(Source data)

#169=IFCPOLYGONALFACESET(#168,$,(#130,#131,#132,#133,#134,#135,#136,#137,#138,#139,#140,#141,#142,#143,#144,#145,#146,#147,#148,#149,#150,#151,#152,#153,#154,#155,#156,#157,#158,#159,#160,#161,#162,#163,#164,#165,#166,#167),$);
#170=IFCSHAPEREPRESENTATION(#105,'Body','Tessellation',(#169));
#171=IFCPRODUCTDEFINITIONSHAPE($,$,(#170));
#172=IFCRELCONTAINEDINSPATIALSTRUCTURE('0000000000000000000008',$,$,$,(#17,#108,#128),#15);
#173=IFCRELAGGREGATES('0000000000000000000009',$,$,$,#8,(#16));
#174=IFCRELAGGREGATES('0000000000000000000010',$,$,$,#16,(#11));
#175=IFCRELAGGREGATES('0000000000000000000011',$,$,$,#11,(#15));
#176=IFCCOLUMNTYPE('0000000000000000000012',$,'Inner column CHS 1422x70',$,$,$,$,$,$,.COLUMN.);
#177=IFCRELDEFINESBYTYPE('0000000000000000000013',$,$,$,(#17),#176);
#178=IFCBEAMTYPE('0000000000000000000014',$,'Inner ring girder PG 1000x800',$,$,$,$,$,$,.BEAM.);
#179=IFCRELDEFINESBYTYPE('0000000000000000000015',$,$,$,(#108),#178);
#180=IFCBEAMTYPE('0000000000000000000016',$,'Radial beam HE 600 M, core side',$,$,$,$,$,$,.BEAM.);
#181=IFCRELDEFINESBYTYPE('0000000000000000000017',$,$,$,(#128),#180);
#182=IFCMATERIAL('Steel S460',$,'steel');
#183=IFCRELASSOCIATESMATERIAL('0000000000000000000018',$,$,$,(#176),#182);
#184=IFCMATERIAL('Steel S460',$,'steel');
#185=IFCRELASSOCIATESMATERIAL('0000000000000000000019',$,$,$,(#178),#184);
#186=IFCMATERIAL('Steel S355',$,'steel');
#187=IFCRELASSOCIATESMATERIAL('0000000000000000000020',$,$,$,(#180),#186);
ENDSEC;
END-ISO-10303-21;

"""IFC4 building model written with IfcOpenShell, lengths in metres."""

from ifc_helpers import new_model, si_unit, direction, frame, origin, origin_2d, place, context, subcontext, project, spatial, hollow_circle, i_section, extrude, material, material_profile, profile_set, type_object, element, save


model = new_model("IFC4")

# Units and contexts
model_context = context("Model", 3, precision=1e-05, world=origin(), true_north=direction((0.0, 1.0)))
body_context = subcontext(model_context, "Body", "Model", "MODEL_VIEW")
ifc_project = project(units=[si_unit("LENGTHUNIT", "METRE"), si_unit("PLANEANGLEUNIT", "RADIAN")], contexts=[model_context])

...

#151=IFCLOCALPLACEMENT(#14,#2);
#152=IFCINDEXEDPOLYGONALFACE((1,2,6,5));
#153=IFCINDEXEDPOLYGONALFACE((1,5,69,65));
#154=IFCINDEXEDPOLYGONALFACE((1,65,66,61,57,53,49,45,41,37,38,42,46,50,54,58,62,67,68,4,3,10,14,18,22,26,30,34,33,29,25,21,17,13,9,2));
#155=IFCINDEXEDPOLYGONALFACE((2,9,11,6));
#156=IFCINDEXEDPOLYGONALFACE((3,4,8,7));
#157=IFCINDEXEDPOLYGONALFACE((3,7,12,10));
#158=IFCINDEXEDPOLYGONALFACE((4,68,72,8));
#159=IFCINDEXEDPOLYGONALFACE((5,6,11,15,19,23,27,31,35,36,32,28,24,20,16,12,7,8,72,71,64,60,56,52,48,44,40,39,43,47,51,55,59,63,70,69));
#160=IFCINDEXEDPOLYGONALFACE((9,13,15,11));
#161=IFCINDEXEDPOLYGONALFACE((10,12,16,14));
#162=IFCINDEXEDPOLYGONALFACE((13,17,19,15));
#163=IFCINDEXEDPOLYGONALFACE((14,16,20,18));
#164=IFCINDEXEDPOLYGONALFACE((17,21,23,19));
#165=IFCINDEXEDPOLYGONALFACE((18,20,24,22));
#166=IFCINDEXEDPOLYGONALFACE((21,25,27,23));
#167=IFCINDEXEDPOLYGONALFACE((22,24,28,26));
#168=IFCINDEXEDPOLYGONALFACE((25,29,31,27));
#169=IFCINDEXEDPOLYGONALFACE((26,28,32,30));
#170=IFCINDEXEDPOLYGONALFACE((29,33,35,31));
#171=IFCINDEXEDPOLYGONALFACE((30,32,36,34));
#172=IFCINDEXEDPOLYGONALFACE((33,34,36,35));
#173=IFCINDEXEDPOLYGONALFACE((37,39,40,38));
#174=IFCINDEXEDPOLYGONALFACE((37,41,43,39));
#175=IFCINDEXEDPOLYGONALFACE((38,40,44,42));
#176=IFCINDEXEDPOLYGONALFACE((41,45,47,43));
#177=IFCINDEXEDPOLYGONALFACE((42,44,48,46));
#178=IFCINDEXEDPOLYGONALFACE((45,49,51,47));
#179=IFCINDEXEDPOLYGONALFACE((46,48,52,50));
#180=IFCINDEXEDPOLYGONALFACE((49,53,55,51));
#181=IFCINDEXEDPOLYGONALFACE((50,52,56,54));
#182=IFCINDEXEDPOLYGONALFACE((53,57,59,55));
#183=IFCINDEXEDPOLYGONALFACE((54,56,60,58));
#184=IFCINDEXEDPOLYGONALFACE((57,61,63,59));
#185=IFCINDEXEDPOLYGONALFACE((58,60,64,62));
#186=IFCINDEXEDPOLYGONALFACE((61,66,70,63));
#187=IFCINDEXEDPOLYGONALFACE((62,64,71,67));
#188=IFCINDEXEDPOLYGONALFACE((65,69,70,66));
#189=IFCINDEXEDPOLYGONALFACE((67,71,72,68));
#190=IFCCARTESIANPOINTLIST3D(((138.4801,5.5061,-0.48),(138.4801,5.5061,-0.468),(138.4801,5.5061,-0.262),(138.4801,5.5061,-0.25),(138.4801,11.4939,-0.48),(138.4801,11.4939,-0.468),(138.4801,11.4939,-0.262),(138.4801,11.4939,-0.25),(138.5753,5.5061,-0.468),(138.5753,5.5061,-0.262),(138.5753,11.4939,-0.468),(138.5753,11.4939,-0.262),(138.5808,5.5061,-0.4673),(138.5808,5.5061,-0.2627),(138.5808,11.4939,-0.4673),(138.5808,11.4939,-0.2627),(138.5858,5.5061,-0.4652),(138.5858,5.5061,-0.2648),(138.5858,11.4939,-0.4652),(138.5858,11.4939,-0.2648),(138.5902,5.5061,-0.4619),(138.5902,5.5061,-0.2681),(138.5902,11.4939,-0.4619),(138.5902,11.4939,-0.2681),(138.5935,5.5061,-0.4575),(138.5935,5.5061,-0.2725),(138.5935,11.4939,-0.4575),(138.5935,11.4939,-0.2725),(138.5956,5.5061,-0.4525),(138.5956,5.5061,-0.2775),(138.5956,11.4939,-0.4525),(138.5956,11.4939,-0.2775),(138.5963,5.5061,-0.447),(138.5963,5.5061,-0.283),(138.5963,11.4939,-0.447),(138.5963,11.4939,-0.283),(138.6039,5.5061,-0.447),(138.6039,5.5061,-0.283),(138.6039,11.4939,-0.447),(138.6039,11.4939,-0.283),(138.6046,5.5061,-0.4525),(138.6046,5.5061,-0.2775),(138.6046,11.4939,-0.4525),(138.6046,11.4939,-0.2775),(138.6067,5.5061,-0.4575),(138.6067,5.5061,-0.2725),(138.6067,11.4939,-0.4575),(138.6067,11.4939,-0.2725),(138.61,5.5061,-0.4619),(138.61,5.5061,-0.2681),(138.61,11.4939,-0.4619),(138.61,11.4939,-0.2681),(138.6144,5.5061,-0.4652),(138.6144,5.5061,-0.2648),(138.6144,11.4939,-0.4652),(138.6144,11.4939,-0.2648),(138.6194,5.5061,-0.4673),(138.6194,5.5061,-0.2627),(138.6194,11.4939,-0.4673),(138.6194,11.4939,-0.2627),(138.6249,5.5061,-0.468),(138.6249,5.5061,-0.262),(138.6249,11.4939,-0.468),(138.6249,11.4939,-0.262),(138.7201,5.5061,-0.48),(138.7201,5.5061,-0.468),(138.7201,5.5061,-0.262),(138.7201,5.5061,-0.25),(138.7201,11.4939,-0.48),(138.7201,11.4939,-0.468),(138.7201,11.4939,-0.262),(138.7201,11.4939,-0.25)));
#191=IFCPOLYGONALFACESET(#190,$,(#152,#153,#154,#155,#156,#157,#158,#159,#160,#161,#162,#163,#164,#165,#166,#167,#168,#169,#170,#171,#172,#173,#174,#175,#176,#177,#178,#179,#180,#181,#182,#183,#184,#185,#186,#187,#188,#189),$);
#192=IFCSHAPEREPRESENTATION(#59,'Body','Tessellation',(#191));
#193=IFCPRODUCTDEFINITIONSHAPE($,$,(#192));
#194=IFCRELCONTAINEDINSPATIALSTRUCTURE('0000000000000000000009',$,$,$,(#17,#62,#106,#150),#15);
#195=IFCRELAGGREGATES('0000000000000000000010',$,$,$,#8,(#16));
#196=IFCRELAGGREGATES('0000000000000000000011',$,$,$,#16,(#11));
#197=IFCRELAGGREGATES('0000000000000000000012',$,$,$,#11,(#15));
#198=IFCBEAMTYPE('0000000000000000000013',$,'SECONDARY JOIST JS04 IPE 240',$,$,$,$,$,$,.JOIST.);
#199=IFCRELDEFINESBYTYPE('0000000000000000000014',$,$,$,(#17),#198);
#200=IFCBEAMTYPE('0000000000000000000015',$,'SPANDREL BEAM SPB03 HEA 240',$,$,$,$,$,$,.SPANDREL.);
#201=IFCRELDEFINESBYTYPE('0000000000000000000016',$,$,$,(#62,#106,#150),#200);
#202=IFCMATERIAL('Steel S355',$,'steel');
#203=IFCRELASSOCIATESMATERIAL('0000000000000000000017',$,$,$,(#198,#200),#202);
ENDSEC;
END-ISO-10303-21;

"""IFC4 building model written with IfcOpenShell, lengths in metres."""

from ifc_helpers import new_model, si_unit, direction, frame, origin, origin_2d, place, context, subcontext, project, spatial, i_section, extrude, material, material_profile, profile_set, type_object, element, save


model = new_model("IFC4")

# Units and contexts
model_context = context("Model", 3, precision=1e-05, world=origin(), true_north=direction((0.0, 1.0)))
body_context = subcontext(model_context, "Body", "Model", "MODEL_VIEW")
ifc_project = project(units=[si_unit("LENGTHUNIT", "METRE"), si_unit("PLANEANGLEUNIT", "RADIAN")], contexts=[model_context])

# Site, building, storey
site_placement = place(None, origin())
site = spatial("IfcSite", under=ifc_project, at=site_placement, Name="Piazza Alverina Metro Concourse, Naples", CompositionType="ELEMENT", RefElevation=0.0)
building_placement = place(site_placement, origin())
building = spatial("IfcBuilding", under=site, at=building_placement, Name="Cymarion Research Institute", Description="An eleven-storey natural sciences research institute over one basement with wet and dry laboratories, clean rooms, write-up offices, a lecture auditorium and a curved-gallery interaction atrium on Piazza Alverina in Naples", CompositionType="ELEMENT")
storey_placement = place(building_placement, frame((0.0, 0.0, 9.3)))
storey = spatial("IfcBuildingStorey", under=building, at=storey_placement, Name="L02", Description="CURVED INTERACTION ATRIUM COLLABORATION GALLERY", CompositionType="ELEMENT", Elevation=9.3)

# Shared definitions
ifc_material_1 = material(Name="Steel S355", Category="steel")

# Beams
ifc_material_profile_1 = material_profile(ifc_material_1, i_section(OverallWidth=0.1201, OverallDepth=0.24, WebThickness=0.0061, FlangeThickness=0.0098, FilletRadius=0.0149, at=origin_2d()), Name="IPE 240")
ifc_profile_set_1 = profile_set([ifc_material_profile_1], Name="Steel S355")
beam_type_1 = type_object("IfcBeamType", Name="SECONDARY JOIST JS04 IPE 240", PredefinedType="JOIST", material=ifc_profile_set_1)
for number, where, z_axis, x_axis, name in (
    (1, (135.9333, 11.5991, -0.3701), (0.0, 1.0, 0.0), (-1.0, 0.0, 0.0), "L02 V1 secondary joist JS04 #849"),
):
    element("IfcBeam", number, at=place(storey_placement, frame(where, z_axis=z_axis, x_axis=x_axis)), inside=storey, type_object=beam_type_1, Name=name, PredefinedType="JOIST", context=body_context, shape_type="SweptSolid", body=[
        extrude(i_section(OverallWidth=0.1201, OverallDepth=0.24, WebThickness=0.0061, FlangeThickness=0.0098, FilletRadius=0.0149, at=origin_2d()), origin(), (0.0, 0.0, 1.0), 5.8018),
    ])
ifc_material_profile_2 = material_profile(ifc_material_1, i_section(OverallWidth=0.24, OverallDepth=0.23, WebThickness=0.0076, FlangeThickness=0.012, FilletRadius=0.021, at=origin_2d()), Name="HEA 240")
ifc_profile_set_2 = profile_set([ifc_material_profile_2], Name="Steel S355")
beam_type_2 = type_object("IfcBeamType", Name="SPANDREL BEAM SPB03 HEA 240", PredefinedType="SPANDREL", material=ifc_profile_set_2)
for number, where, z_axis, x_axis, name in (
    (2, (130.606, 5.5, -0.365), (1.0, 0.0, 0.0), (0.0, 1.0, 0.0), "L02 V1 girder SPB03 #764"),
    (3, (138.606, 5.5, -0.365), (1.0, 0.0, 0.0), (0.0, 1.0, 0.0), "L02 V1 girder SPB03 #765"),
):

Task statement. Here the output must be the lines above from the line with "#164=IFCINDEXEDPOLYGONALFACE((17,21,23,19));" to the line with "#170=IFCINDEXEDPOLYGONALFACE((29,33,35,31));", both included, duplicated word for word and nothing else.

Answer.
#164=IFCINDEXEDPOLYGONALFACE((17,21,23,19));
#165=IFCINDEXEDPOLYGONALFACE((18,20,24,22));
#166=IFCINDEXEDPOLYGONALFACE((21,25,27,23));
#167=IFCINDEXEDPOLYGONALFACE((22,24,28,26));
#168=IFCINDEXEDPOLYGONALFACE((25,29,31,27));
#169=IFCINDEXEDPOLYGONALFACE((26,28,32,30));
#170=IFCINDEXEDPOLYGONALFACE((29,33,35,31));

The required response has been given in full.